▸ **ACTIVITY**
Scan the records for "IFCWALL". Show the matching lines.

Stored items:
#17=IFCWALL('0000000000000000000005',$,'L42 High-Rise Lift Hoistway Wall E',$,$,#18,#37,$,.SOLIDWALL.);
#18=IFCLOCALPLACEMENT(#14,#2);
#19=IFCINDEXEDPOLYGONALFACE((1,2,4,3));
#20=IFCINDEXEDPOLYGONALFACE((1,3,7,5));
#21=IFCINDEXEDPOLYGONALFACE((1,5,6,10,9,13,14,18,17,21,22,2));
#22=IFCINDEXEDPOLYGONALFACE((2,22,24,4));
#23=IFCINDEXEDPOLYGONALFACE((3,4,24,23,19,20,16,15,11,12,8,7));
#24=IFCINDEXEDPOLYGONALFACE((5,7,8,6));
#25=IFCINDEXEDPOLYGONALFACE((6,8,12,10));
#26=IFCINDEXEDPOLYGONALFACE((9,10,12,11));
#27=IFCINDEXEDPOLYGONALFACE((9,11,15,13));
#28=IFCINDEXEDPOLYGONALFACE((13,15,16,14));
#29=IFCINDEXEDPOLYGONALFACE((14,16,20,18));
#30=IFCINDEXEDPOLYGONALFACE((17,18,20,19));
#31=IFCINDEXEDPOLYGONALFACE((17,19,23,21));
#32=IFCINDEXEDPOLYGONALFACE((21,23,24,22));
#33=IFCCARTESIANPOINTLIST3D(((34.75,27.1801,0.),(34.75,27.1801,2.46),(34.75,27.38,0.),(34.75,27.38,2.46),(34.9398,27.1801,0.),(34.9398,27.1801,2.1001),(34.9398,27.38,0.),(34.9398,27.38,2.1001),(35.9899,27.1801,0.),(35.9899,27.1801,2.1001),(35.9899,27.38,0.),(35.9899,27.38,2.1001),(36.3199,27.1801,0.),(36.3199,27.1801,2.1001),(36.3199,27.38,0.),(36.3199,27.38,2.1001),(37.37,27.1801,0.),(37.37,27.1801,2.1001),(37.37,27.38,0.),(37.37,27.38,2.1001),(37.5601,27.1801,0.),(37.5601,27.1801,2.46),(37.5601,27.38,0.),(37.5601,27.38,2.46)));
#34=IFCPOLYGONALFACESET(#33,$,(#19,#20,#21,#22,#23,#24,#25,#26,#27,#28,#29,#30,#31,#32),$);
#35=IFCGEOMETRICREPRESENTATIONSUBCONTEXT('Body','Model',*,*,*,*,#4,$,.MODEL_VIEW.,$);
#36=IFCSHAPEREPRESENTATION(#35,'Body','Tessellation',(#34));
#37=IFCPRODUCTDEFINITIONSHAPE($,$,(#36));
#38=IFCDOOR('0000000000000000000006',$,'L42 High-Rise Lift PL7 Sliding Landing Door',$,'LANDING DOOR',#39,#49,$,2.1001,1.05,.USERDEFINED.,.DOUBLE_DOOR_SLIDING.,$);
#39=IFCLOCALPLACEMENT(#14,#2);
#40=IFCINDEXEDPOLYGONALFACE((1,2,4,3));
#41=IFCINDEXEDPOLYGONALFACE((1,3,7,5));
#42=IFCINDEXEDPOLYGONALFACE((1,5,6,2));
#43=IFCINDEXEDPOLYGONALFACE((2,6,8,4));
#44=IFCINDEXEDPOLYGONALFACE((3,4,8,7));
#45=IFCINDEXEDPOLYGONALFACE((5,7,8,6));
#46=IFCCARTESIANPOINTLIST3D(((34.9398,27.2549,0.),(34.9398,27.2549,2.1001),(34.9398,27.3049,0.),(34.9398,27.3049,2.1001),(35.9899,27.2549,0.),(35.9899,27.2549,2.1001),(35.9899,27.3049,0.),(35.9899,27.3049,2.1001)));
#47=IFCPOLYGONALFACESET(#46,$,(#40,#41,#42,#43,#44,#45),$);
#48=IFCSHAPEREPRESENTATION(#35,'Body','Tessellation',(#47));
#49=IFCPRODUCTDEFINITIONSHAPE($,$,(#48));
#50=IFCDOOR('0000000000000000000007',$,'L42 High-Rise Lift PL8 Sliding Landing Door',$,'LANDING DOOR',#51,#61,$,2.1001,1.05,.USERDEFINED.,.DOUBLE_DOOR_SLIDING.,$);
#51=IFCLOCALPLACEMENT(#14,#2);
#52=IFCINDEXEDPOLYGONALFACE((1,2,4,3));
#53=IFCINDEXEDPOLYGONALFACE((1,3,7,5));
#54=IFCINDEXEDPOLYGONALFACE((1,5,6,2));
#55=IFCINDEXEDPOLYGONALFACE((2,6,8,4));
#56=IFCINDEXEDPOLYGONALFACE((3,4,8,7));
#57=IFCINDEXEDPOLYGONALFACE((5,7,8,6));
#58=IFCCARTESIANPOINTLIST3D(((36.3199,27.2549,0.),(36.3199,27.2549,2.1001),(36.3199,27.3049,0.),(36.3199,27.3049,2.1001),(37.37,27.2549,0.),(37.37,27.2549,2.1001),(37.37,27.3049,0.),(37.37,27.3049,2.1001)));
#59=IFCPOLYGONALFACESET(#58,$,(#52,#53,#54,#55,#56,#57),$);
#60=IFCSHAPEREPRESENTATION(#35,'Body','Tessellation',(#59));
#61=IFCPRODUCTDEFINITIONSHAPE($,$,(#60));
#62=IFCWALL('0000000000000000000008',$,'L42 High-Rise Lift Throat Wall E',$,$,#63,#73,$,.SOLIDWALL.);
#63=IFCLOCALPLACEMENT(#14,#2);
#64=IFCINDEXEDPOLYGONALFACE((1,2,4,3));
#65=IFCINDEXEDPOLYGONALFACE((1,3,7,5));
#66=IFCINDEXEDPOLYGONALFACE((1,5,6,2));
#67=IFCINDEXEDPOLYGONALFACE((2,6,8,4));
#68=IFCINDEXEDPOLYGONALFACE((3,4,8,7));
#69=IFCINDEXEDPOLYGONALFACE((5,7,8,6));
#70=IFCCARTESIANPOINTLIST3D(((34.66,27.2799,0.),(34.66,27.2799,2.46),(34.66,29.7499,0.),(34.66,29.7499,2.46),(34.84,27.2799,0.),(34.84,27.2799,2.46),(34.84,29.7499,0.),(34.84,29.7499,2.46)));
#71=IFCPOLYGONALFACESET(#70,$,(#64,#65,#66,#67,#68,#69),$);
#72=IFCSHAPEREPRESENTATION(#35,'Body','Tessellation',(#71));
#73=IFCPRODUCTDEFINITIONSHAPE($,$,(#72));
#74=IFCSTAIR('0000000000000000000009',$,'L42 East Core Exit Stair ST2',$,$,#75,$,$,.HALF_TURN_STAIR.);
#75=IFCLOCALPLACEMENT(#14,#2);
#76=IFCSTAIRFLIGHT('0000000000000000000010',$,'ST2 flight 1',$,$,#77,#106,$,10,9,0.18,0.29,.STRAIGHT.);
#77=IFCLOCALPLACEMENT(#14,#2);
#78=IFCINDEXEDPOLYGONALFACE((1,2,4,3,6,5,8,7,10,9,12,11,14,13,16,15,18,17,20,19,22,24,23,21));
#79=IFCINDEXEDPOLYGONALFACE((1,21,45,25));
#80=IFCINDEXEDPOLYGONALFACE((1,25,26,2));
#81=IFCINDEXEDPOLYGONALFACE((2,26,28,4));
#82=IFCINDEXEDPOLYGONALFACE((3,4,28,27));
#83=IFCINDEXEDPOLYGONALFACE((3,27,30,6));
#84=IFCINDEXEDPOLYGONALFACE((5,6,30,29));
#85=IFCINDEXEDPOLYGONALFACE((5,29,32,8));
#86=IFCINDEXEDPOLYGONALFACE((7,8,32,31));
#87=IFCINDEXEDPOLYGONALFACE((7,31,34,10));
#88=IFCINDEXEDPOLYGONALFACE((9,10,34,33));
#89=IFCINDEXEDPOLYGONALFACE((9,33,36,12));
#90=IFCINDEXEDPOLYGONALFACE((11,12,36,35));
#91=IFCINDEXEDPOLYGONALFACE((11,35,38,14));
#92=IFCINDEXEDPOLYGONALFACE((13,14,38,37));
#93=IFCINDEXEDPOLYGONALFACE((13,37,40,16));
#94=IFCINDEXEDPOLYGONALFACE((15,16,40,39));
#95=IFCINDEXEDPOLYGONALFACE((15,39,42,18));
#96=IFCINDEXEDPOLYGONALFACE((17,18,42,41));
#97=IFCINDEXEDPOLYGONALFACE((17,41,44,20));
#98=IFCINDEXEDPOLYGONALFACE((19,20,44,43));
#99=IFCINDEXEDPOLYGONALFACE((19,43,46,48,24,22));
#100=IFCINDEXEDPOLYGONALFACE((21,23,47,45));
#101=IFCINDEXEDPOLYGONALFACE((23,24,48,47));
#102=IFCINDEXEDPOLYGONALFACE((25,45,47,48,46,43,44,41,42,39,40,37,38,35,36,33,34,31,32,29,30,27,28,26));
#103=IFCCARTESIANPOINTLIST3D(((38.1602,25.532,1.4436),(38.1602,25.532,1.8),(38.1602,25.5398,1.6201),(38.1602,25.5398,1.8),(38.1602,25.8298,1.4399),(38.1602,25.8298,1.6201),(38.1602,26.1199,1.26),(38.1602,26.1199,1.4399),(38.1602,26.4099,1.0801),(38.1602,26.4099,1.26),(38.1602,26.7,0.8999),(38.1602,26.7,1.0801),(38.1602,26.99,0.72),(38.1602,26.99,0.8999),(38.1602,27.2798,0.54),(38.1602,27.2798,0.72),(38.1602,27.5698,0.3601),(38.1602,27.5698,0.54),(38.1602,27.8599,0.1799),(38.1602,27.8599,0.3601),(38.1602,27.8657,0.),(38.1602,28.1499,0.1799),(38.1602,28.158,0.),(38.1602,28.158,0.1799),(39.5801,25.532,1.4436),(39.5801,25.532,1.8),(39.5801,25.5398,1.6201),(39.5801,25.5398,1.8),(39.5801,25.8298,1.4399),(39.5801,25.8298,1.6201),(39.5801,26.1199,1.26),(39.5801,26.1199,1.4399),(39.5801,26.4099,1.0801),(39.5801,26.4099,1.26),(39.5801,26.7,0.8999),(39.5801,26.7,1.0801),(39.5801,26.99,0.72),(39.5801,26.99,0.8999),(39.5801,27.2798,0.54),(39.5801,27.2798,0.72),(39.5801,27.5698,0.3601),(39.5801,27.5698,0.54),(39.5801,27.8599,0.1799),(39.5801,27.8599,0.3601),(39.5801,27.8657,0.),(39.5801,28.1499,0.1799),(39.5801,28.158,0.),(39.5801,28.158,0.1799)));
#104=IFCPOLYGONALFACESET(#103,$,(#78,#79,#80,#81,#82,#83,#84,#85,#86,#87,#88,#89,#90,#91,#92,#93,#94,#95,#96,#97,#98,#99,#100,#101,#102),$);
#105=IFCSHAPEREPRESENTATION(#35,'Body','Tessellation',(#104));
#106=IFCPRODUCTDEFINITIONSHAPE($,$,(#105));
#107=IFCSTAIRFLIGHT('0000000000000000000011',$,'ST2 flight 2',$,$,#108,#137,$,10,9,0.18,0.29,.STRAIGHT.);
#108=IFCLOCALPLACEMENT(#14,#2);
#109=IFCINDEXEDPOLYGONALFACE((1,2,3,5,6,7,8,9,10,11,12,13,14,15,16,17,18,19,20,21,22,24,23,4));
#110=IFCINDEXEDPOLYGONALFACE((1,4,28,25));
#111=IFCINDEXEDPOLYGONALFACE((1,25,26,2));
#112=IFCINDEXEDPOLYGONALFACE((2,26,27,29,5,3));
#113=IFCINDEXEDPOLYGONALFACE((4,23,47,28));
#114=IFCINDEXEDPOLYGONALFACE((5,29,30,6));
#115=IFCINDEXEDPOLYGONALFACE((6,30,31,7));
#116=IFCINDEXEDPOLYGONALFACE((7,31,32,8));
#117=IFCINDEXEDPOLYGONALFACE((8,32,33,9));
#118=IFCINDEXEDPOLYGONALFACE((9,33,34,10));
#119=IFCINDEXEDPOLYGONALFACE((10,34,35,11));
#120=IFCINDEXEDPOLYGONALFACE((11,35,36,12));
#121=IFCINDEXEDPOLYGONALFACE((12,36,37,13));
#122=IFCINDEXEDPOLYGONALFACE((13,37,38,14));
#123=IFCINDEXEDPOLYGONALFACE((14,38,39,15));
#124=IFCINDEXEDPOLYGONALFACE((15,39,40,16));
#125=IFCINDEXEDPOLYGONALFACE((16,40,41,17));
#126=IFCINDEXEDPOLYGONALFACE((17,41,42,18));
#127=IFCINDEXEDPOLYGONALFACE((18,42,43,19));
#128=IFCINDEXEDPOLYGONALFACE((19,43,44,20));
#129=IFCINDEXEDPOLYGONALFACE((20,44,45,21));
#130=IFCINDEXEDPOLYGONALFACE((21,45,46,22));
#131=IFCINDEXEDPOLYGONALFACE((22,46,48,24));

▸ **TASK RESPONSE**
#17=IFCWALL('0000000000000000000005',$,'L42 High-Rise Lift Hoistway Wall E',$,$,#18,#37,$,.SOLIDWALL.);
#62=IFCWALL('0000000000000000000008',$,'L42 High-Rise Lift Throat Wall E',$,$,#63,#73,$,.SOLIDWALL.);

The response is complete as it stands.